**Work required**
The span to repeat in the listing below runs from the line containing "#23=IFCINDEXEDPOLYGONALFACE((1,5,6,2));" to the line containing "#51=IFCINDEXEDPOLYGONALFACE((5,7,8,6));", inclusive. Repeat it exactly, and only it.
↓↓↓
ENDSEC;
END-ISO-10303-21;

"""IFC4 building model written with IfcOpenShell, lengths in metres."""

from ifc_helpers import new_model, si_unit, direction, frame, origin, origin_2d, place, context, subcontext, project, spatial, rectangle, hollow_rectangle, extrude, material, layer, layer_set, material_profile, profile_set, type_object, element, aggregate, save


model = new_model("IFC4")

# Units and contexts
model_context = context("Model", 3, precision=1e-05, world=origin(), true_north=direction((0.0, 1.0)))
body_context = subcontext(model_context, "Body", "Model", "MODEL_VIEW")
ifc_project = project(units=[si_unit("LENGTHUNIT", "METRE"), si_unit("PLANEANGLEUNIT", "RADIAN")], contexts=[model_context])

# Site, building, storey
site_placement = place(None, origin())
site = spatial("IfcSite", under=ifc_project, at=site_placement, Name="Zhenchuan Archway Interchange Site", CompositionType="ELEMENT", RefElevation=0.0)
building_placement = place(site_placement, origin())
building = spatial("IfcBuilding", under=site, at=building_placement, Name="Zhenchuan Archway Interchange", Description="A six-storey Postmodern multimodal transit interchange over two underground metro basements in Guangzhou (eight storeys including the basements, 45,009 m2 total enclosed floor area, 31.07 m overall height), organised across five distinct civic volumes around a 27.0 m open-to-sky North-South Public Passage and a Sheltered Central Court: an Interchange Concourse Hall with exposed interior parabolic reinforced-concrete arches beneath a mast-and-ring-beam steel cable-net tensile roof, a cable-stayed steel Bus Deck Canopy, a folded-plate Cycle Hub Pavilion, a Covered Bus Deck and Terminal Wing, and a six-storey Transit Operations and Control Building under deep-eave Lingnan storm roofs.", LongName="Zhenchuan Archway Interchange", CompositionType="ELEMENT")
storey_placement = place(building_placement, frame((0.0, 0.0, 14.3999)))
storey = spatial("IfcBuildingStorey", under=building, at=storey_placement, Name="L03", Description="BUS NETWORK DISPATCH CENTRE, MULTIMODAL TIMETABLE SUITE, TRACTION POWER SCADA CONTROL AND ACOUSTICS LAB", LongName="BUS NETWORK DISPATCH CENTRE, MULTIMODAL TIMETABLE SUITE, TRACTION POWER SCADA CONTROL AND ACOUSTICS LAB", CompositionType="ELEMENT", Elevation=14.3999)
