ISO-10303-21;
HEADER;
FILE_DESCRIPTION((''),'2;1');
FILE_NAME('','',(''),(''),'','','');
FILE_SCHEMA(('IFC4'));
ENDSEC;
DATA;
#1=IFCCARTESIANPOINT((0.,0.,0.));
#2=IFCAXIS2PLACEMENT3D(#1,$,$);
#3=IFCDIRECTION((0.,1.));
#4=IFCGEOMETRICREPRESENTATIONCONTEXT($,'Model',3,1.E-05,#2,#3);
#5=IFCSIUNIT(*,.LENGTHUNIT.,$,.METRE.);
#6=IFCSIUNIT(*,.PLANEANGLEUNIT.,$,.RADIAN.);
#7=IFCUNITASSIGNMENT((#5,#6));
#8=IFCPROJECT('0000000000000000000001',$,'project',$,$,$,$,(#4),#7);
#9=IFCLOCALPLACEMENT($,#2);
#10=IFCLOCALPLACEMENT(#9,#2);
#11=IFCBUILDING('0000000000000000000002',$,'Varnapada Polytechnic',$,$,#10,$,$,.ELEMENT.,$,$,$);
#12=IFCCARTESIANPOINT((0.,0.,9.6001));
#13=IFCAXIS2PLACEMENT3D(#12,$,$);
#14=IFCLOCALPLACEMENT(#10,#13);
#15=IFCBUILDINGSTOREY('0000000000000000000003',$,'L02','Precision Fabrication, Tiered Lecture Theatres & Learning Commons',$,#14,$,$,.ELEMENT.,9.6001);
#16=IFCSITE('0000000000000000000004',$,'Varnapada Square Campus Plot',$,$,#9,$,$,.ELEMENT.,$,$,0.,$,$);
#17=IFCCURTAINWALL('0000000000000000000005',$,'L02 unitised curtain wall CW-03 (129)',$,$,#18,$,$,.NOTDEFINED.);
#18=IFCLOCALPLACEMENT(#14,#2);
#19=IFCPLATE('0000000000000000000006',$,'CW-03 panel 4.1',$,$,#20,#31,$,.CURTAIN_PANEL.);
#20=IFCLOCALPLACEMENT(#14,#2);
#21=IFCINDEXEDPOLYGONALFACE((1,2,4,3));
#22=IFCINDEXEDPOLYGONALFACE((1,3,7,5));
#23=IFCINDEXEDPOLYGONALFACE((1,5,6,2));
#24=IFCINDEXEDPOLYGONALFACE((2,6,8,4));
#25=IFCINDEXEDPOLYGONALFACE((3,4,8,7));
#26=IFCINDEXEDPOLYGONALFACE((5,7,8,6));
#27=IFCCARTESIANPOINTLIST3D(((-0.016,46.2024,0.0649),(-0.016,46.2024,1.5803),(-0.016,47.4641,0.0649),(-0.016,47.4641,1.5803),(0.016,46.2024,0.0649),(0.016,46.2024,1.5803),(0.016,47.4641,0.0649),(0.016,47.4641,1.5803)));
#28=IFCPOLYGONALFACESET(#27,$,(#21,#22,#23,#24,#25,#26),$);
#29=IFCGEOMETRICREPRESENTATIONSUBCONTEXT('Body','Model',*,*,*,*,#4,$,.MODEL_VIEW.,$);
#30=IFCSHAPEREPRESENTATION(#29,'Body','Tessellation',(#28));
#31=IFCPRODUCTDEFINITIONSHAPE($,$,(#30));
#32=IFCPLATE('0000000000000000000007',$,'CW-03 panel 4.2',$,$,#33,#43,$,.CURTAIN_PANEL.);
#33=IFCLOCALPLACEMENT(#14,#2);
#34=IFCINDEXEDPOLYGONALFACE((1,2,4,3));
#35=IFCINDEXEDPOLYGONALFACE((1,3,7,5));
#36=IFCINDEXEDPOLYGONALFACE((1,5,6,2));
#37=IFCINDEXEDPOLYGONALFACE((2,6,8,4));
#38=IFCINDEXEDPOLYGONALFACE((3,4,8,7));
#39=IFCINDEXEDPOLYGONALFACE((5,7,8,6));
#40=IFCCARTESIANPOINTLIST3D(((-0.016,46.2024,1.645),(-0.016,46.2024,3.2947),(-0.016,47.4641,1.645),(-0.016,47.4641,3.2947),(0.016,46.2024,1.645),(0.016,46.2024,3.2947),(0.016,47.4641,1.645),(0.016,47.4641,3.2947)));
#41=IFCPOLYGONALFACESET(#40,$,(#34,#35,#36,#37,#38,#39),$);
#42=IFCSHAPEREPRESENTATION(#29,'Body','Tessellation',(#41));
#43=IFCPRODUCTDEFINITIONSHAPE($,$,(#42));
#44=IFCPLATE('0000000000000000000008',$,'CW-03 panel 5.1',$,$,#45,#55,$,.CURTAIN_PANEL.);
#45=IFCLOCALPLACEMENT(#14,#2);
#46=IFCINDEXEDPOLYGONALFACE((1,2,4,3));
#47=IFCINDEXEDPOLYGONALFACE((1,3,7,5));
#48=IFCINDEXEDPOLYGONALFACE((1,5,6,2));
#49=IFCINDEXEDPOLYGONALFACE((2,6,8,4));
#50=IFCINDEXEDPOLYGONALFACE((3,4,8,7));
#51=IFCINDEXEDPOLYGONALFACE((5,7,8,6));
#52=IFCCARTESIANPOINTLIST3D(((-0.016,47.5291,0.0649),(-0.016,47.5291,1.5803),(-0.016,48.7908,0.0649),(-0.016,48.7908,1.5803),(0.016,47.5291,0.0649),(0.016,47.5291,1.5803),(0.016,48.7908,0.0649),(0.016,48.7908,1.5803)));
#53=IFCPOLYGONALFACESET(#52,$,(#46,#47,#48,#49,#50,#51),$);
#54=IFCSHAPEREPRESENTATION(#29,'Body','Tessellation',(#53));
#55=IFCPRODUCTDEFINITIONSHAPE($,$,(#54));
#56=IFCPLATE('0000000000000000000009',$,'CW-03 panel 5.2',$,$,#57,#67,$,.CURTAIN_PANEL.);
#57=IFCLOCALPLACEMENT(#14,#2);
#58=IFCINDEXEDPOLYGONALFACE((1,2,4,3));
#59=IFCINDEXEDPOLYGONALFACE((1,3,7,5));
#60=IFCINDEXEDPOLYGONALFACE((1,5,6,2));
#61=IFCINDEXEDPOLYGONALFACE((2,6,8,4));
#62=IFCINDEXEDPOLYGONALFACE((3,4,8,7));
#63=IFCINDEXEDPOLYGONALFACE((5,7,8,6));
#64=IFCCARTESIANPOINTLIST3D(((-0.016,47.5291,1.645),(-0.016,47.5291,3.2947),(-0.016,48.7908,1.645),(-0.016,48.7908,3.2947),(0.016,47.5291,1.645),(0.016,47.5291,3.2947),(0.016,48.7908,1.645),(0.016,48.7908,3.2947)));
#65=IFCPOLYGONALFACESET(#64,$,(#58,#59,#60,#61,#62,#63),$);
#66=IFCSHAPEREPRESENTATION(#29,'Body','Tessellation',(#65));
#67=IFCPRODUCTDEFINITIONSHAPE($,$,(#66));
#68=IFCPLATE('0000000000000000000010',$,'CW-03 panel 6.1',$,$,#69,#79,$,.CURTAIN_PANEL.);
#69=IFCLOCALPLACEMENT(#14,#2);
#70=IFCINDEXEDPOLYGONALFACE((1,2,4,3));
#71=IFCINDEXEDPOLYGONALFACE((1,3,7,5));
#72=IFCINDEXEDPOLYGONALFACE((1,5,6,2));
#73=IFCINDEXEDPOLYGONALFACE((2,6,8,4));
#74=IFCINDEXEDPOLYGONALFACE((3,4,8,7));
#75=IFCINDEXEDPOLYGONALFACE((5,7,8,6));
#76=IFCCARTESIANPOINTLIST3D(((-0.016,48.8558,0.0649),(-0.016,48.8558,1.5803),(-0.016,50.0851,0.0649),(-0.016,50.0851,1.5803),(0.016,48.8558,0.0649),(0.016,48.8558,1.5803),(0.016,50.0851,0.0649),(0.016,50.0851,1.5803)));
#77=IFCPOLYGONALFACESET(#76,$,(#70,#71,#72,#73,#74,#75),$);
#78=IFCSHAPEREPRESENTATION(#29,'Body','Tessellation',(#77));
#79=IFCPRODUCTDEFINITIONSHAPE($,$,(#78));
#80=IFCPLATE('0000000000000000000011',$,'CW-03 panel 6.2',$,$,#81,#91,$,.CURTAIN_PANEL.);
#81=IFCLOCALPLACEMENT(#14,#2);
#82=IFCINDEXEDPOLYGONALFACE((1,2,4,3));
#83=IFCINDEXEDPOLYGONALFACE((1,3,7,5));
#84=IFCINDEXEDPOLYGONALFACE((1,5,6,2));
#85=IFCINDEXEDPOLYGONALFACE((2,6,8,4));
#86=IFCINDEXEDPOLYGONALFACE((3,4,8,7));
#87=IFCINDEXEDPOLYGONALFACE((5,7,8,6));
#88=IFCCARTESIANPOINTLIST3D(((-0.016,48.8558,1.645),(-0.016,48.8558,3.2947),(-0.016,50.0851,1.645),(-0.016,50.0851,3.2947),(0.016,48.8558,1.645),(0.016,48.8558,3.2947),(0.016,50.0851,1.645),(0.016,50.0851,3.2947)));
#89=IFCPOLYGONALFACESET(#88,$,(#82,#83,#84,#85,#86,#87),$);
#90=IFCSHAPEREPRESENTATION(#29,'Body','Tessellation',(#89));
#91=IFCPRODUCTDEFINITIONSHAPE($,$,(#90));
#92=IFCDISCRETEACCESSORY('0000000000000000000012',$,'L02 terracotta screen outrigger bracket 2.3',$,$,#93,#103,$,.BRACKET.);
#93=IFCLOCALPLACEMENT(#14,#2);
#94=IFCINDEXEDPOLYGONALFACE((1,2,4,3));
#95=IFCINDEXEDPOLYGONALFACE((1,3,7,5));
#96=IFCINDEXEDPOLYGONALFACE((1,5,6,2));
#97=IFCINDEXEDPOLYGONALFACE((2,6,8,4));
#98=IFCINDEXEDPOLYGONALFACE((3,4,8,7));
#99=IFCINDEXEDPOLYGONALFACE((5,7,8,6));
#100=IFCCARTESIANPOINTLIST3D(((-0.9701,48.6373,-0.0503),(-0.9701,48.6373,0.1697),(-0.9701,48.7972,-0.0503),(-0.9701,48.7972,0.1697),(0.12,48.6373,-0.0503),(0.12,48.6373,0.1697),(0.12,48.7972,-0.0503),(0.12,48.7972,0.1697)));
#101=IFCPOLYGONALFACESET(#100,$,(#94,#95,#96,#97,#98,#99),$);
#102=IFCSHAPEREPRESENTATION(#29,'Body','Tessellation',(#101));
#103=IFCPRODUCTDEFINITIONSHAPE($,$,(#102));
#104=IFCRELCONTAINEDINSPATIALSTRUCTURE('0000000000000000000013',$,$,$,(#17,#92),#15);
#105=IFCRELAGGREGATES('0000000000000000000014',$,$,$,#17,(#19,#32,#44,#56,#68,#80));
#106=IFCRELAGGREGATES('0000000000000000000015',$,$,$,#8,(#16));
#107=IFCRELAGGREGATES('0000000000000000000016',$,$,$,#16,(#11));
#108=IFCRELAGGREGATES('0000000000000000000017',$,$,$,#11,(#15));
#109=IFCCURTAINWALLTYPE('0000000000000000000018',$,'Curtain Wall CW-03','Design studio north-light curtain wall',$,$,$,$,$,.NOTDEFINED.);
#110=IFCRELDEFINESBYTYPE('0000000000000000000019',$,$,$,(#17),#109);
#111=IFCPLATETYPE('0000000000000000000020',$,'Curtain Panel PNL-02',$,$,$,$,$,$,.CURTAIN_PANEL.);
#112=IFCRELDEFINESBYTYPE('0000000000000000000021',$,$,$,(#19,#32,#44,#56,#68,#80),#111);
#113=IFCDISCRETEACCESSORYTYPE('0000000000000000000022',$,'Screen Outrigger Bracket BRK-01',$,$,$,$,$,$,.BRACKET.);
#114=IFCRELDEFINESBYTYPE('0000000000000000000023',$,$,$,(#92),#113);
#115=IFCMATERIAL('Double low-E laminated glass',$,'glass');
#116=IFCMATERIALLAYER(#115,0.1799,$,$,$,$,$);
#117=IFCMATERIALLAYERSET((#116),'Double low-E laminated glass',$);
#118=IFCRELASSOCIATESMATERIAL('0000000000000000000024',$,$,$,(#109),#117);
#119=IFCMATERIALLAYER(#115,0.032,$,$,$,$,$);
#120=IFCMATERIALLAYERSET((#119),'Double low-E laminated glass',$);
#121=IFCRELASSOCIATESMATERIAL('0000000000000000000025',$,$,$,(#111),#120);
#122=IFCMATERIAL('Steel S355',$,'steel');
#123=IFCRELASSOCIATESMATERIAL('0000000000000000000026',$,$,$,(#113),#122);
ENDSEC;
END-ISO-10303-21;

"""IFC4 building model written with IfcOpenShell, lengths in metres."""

from ifc_helpers import new_model, si_unit, direction, frame, origin, origin_2d, place, context, subcontext, project, spatial, rectangle, extrude, material, layer, layer_set, type_object, element, aggregate, save


model = new_model("IFC4")

# Units and contexts
model_context = context("Model", 3, precision=1e-05, world=origin(), true_north=direction((0.0, 1.0)))
body_context = subcontext(model_context, "Body", "Model", "MODEL_VIEW")
ifc_project = project(units=[si_unit("LENGTHUNIT", "METRE"), si_unit("PLANEANGLEUNIT", "RADIAN")], contexts=[model_context])

# Site, building, storey
site_placement = place(None, origin())
site = spatial("IfcSite", under=ifc_project, at=site_placement, Name="Varnapada Square Campus Plot", CompositionType="ELEMENT", RefElevation=0.0)
building_placement = place(site_placement, origin())
building = spatial("IfcBuilding", under=site, at=building_placement, Name="Varnapada Polytechnic", CompositionType="ELEMENT")
storey_placement = place(building_placement, frame((0.0, 0.0, 9.6001)))
storey = spatial("IfcBuildingStorey", under=building, at=storey_placement, Name="L02", Description="Precision Fabrication, Tiered Lecture Theatres & Learning Commons", CompositionType="ELEMENT", Elevation=9.6001)

# Curtain wall
ifc_material_1 = material(Name="Double low-E laminated glass", Category="glass")
ifc_layer_1 = layer(ifc_material_1, 0.1799)
ifc_layer_set_1 = layer_set([ifc_layer_1], Name="Double low-E laminated glass")
curtain_wall_type = type_object("IfcCurtainWallType", Name="Curtain Wall CW-03", Description="Design studio north-light curtain wall", PredefinedType="NOTDEFINED", material=ifc_layer_set_1)
curtain_wall_placement = place(storey_placement, origin())
curtain_wall = element("IfcCurtainWall", 1, at=curtain_wall_placement, inside=storey, type_object=curtain_wall_type, Name="L02 unitised curtain wall CW-03 (129)", PredefinedType="NOTDEFINED")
↑↑↑
**Your response**
#23=IFCINDEXEDPOLYGONALFACE((1,5,6,2));
#24=IFCINDEXEDPOLYGONALFACE((2,6,8,4));
#25=IFCINDEXEDPOLYGONALFACE((3,4,8,7));
#26=IFCINDEXEDPOLYGONALFACE((5,7,8,6));
#27=IFCCARTESIANPOINTLIST3D(((-0.016,46.2024,0.0649),(-0.016,46.2024,1.5803),(-0.016,47.4641,0.0649),(-0.016,47.4641,1.5803),(0.016,46.2024,0.0649),(0.016,46.2024,1.5803),(0.016,47.4641,0.0649),(0.016,47.4641,1.5803)));
#28=IFCPOLYGONALFACESET(#27,$,(#21,#22,#23,#24,#25,#26),$);
#29=IFCGEOMETRICREPRESENTATIONSUBCONTEXT('Body','Model',*,*,*,*,#4,$,.MODEL_VIEW.,$);
#30=IFCSHAPEREPRESENTATION(#29,'Body','Tessellation',(#28));
#31=IFCPRODUCTDEFINITIONSHAPE($,$,(#30));
#32=IFCPLATE('0000000000000000000007',$,'CW-03 panel 4.2',$,$,#33,#43,$,.CURTAIN_PANEL.);
#33=IFCLOCALPLACEMENT(#14,#2);
#34=IFCINDEXEDPOLYGONALFACE((1,2,4,3));
#35=IFCINDEXEDPOLYGONALFACE((1,3,7,5));
#36=IFCINDEXEDPOLYGONALFACE((1,5,6,2));
#37=IFCINDEXEDPOLYGONALFACE((2,6,8,4));
#38=IFCINDEXEDPOLYGONALFACE((3,4,8,7));
#39=IFCINDEXEDPOLYGONALFACE((5,7,8,6));
#40=IFCCARTESIANPOINTLIST3D(((-0.016,46.2024,1.645),(-0.016,46.2024,3.2947),(-0.016,47.4641,1.645),(-0.016,47.4641,3.2947),(0.016,46.2024,1.645),(0.016,46.2024,3.2947),(0.016,47.4641,1.645),(0.016,47.4641,3.2947)));
#41=IFCPOLYGONALFACESET(#40,$,(#34,#35,#36,#37,#38,#39),$);
#42=IFCSHAPEREPRESENTATION(#29,'Body','Tessellation',(#41));
#43=IFCPRODUCTDEFINITIONSHAPE($,$,(#42));
#44=IFCPLATE('0000000000000000000008',$,'CW-03 panel 5.1',$,$,#45,#55,$,.CURTAIN_PANEL.);
#45=IFCLOCALPLACEMENT(#14,#2);
#46=IFCINDEXEDPOLYGONALFACE((1,2,4,3));
#47=IFCINDEXEDPOLYGONALFACE((1,3,7,5));
#48=IFCINDEXEDPOLYGONALFACE((1,5,6,2));
#49=IFCINDEXEDPOLYGONALFACE((2,6,8,4));
#50=IFCINDEXEDPOLYGONALFACE((3,4,8,7));
#51=IFCINDEXEDPOLYGONALFACE((5,7,8,6));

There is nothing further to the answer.